§ EXERCISE DETAILS:
Pull every "RefElevation" line out of the data below.

::: GIVEN RECORDS

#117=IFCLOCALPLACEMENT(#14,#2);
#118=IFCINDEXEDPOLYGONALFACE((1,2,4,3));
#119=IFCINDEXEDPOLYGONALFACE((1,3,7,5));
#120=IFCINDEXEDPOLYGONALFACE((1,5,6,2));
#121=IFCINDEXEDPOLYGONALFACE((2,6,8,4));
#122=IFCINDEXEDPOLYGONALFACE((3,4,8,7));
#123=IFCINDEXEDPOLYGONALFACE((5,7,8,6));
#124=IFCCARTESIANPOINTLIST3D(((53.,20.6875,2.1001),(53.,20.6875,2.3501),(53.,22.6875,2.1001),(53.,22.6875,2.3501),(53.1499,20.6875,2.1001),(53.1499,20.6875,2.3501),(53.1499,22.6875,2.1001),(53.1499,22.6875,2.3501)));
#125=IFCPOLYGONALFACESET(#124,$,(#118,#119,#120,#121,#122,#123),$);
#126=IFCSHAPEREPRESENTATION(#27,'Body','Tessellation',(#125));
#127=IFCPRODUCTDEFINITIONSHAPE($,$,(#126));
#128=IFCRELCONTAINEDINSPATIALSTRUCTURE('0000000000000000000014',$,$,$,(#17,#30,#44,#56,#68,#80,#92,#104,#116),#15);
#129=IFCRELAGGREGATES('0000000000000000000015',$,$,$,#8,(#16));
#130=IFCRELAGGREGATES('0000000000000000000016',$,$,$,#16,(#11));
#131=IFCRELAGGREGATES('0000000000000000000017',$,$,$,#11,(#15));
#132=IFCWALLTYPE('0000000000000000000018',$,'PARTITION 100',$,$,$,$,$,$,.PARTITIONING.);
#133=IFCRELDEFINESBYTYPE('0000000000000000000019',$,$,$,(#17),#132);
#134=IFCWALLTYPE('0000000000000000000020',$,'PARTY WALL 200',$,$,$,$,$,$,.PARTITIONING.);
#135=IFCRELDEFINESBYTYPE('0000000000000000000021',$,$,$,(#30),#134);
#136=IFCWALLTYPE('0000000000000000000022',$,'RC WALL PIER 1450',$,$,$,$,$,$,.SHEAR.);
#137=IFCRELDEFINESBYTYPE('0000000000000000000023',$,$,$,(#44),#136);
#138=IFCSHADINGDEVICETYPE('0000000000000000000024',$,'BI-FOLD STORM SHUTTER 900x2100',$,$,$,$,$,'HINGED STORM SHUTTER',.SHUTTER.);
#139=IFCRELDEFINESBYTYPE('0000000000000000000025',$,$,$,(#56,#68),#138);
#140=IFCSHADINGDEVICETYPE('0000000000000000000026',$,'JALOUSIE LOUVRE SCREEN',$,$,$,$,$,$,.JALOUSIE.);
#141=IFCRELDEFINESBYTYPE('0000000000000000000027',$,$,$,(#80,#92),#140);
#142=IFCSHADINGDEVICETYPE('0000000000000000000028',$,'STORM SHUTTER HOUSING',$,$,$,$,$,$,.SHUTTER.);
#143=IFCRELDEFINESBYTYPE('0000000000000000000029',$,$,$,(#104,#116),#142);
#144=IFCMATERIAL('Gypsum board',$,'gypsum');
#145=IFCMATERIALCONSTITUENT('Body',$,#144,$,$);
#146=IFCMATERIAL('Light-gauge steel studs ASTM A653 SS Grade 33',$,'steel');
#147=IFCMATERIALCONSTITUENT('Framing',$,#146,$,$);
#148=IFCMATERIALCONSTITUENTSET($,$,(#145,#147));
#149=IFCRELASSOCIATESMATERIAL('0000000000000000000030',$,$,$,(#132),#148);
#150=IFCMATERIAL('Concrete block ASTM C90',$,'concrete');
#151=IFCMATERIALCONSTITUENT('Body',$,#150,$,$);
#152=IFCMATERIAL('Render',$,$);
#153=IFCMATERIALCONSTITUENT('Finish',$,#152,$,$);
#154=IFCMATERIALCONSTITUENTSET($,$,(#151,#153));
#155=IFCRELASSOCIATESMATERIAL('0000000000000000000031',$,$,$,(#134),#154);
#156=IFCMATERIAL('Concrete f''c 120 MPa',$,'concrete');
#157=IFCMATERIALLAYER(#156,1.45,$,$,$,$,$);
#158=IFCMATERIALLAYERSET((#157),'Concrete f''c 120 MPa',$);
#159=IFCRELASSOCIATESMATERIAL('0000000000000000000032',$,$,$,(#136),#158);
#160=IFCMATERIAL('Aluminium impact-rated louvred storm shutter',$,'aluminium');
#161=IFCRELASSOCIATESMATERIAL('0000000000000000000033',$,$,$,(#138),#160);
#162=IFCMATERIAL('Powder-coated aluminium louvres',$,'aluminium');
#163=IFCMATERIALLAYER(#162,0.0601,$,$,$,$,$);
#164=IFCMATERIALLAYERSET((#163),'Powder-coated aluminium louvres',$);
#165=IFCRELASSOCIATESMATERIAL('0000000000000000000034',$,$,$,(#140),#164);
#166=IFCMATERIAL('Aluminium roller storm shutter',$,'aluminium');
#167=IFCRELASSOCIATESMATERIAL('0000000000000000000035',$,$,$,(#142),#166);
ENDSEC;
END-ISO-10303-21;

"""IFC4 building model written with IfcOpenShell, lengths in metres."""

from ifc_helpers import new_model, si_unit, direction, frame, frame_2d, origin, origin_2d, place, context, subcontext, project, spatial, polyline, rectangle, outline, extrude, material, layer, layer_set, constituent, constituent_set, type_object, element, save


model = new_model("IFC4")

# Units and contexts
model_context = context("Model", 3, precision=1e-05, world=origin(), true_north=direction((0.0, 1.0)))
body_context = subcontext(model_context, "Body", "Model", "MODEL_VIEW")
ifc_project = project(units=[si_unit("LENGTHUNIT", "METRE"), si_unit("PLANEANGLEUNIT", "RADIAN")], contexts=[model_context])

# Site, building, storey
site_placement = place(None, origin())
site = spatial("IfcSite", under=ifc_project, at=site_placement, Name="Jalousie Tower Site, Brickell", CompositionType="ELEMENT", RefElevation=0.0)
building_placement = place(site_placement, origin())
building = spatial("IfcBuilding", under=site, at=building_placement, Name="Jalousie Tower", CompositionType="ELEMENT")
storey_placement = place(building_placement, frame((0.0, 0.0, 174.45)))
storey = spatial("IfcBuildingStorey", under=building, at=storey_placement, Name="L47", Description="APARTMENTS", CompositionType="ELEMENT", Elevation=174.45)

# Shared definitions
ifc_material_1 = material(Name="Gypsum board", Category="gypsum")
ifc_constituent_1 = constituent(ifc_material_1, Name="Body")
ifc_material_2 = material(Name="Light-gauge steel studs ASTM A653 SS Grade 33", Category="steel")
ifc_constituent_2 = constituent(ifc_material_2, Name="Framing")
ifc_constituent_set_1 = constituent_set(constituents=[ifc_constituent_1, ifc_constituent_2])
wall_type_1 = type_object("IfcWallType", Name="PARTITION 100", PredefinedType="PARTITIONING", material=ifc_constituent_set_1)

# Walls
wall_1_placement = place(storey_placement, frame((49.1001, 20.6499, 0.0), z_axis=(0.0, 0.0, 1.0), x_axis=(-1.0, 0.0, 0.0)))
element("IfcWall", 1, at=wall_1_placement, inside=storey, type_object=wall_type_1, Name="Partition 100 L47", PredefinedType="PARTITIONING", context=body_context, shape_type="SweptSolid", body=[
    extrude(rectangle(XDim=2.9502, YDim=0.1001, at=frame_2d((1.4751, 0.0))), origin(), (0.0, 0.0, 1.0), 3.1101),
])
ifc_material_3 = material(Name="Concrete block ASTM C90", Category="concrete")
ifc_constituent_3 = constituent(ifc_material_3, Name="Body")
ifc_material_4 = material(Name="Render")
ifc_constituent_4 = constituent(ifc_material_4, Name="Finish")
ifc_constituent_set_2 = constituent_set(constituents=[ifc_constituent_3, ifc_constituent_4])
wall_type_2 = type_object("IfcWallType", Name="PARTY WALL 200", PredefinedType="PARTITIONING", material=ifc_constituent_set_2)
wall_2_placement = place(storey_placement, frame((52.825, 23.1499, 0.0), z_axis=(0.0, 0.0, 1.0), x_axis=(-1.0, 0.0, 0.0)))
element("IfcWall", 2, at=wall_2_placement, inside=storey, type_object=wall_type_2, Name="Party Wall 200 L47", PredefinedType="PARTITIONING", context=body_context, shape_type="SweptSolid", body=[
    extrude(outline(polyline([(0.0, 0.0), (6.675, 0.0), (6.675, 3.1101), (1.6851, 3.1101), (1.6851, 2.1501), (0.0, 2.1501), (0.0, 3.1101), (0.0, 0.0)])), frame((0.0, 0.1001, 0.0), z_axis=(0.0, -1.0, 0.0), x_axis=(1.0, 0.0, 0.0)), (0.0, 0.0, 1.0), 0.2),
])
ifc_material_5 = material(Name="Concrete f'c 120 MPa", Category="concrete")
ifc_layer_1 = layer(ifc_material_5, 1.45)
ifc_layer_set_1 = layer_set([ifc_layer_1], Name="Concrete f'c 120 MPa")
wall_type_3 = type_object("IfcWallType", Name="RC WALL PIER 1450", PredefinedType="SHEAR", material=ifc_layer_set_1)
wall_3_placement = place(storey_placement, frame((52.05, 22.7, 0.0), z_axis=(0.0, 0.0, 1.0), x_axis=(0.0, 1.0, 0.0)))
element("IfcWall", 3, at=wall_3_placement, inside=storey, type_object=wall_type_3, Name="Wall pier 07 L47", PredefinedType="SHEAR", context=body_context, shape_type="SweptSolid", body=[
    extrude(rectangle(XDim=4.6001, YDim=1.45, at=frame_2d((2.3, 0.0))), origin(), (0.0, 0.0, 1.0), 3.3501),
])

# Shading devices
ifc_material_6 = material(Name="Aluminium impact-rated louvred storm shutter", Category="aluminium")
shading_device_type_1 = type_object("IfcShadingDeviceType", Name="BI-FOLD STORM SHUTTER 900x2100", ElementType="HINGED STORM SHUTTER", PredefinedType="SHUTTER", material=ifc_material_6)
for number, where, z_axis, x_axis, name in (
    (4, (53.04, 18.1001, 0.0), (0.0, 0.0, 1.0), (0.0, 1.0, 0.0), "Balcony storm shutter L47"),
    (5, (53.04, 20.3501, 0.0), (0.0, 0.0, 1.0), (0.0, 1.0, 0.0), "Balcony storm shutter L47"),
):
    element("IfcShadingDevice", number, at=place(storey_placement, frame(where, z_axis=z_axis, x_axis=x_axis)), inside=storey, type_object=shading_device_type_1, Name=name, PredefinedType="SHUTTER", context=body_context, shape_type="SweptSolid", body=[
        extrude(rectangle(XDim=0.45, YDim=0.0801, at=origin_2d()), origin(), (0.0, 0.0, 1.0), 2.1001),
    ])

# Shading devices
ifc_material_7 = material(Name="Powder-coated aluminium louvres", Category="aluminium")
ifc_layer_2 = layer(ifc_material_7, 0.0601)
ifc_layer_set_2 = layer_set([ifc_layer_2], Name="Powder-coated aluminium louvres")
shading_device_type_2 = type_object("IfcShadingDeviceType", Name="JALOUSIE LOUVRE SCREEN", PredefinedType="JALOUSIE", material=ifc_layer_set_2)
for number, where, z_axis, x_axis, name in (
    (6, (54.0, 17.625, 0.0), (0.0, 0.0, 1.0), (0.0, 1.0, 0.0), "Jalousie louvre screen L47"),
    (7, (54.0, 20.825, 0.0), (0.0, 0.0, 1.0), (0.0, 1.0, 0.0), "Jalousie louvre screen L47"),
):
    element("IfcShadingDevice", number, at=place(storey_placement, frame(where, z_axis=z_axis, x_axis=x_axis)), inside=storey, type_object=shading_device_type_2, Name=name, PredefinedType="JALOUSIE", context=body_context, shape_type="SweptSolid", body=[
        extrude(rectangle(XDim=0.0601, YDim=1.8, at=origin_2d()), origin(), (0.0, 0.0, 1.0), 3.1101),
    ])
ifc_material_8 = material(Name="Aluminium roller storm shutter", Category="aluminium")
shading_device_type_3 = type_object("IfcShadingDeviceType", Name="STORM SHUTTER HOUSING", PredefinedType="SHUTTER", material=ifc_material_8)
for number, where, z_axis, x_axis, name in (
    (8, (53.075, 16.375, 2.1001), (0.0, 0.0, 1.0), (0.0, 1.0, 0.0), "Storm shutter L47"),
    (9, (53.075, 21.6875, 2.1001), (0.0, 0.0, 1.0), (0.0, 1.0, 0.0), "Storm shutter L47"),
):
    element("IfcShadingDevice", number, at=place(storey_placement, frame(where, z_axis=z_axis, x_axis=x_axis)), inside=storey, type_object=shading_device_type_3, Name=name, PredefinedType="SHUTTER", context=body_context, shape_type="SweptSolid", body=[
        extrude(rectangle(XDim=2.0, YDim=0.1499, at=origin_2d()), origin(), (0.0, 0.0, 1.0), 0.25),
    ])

::::::
::: GIVEN RECORDS

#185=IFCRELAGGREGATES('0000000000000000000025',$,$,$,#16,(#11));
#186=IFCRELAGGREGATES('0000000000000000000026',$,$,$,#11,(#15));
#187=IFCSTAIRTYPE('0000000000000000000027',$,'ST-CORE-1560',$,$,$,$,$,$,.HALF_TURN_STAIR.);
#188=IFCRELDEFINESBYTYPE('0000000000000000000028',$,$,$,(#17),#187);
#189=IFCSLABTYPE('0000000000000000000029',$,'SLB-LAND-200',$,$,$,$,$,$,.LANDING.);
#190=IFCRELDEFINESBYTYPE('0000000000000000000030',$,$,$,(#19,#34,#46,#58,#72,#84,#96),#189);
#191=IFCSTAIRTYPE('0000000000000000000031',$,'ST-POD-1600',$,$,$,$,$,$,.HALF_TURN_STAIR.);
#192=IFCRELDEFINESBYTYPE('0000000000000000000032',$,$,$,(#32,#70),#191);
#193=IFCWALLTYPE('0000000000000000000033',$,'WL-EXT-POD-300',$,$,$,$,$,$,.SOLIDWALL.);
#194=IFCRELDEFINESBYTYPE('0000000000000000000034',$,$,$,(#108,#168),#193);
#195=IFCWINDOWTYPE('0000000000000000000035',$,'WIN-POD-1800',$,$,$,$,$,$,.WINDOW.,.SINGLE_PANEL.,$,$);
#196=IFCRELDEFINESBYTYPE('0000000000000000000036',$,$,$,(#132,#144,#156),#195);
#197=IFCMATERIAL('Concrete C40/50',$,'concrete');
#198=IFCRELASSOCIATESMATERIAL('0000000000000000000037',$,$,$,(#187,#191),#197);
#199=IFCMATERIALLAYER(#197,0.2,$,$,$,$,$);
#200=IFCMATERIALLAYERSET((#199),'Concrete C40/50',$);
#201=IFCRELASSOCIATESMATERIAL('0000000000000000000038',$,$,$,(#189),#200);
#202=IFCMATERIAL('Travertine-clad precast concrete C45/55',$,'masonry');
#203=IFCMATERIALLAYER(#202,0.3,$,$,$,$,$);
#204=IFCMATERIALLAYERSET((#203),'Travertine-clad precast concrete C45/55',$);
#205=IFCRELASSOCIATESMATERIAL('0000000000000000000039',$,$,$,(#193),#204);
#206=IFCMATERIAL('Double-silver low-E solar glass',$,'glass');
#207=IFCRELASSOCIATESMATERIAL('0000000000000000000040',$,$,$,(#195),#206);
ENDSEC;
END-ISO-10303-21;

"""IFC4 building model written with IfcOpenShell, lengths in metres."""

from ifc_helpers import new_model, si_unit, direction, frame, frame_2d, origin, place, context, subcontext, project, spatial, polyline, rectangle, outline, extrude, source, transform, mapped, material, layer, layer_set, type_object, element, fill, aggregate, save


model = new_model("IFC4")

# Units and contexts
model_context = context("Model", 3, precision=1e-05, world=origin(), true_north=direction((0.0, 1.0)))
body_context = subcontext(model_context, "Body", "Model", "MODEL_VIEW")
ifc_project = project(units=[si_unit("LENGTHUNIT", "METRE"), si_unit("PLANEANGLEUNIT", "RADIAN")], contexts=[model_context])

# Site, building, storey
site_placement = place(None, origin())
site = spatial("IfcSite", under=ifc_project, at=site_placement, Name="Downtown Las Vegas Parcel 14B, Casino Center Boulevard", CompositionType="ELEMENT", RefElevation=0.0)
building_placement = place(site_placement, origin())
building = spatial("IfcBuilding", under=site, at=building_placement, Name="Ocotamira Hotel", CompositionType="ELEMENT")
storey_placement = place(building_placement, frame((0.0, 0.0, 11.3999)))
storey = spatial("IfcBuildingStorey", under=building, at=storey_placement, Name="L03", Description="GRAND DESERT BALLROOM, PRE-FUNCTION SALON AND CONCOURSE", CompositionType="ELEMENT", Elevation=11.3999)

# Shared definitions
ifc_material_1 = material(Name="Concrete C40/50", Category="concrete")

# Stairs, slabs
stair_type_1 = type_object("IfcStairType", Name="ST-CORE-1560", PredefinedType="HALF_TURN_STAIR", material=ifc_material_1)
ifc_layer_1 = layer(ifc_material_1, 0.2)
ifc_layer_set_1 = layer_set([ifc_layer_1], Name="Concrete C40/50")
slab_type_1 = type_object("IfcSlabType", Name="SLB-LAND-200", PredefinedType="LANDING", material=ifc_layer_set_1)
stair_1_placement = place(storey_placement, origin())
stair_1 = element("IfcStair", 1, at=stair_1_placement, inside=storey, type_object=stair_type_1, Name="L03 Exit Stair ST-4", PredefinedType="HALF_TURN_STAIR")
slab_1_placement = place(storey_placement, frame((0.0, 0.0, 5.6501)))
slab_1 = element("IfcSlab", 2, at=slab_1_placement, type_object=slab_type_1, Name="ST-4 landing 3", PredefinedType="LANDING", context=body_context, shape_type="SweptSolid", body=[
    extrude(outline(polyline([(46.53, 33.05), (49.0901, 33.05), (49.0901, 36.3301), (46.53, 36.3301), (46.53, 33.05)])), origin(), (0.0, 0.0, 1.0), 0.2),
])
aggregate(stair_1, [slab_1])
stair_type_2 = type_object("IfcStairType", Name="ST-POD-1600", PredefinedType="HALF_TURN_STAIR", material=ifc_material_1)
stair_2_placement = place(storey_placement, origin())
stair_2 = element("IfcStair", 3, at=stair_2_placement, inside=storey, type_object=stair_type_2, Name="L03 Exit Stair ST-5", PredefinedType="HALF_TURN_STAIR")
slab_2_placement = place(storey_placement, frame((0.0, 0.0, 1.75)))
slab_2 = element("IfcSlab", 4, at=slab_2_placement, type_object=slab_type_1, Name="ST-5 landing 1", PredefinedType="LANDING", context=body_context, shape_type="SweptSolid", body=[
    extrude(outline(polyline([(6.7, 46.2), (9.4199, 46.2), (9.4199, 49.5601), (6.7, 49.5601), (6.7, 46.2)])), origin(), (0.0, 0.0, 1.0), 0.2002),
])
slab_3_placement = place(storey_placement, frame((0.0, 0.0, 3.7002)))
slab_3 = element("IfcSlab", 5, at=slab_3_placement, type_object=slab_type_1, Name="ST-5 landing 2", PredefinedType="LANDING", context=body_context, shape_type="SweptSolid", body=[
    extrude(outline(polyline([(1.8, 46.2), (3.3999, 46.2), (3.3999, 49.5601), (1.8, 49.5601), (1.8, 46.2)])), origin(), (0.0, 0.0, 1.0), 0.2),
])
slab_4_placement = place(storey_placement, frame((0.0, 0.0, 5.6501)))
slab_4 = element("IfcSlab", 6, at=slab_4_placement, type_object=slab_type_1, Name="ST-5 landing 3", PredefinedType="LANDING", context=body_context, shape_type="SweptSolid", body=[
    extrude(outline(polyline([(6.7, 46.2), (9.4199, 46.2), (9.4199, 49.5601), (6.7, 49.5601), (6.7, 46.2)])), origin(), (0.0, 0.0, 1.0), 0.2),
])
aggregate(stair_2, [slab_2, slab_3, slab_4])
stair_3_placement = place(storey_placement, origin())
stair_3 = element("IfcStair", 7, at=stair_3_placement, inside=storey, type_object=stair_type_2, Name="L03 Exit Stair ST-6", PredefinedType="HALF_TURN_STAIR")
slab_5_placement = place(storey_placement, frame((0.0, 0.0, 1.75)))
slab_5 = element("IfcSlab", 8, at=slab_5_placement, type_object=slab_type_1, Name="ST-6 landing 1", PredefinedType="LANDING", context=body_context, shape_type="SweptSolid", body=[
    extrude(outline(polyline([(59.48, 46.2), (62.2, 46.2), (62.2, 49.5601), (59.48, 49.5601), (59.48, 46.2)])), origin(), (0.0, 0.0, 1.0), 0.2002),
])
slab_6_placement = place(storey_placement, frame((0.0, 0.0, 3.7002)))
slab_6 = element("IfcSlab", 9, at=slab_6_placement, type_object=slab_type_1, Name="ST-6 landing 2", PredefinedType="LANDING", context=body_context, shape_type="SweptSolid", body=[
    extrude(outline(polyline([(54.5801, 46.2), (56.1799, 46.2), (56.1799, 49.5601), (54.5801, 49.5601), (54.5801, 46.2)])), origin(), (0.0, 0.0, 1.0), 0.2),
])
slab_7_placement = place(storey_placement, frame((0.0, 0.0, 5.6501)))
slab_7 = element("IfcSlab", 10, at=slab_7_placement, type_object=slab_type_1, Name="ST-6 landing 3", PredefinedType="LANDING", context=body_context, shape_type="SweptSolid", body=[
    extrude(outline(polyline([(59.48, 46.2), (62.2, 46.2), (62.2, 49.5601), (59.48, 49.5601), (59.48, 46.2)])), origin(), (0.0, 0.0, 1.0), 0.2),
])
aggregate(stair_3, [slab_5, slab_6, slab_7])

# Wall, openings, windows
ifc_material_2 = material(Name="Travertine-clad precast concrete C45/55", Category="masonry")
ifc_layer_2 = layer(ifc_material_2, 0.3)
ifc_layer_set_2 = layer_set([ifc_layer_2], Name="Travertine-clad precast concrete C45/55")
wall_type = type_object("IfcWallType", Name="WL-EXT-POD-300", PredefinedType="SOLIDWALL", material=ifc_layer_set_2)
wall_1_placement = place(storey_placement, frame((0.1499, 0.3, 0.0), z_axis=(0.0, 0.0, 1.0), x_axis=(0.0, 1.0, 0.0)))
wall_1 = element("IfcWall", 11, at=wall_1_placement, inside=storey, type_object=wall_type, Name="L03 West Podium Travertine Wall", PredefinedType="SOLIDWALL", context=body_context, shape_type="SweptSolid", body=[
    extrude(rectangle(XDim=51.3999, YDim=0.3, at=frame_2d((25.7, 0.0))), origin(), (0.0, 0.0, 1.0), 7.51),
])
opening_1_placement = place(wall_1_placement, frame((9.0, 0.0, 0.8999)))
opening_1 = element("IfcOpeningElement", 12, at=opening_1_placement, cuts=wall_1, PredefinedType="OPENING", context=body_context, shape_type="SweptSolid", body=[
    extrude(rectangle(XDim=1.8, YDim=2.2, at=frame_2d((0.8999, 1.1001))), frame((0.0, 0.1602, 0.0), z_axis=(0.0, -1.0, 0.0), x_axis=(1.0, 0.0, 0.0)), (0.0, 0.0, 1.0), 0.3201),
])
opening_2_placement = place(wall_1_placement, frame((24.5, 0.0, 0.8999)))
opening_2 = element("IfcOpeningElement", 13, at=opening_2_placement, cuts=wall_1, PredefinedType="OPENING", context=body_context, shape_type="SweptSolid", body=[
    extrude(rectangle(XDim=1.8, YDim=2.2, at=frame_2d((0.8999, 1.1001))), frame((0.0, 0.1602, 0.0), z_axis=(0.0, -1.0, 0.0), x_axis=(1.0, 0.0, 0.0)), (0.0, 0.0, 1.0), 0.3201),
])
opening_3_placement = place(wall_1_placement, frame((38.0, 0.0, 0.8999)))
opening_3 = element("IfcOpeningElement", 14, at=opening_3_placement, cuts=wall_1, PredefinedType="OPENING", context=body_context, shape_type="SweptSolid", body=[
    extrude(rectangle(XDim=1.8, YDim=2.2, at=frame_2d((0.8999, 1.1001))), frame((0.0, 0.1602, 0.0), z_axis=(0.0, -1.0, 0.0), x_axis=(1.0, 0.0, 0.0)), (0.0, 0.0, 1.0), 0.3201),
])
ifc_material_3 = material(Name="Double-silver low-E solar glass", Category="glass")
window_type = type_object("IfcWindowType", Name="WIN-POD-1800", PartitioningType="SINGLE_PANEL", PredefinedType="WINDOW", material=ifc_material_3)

::::::

§ ANSWER:
site = spatial("IfcSite", under=ifc_project, at=site_placement, Name="Jalousie Tower Site, Brickell", CompositionType="ELEMENT", RefElevation=0.0)
site = spatial("IfcSite", under=ifc_project, at=site_placement, Name="Downtown Las Vegas Parcel 14B, Casino Center Boulevard", CompositionType="ELEMENT", RefElevation=0.0)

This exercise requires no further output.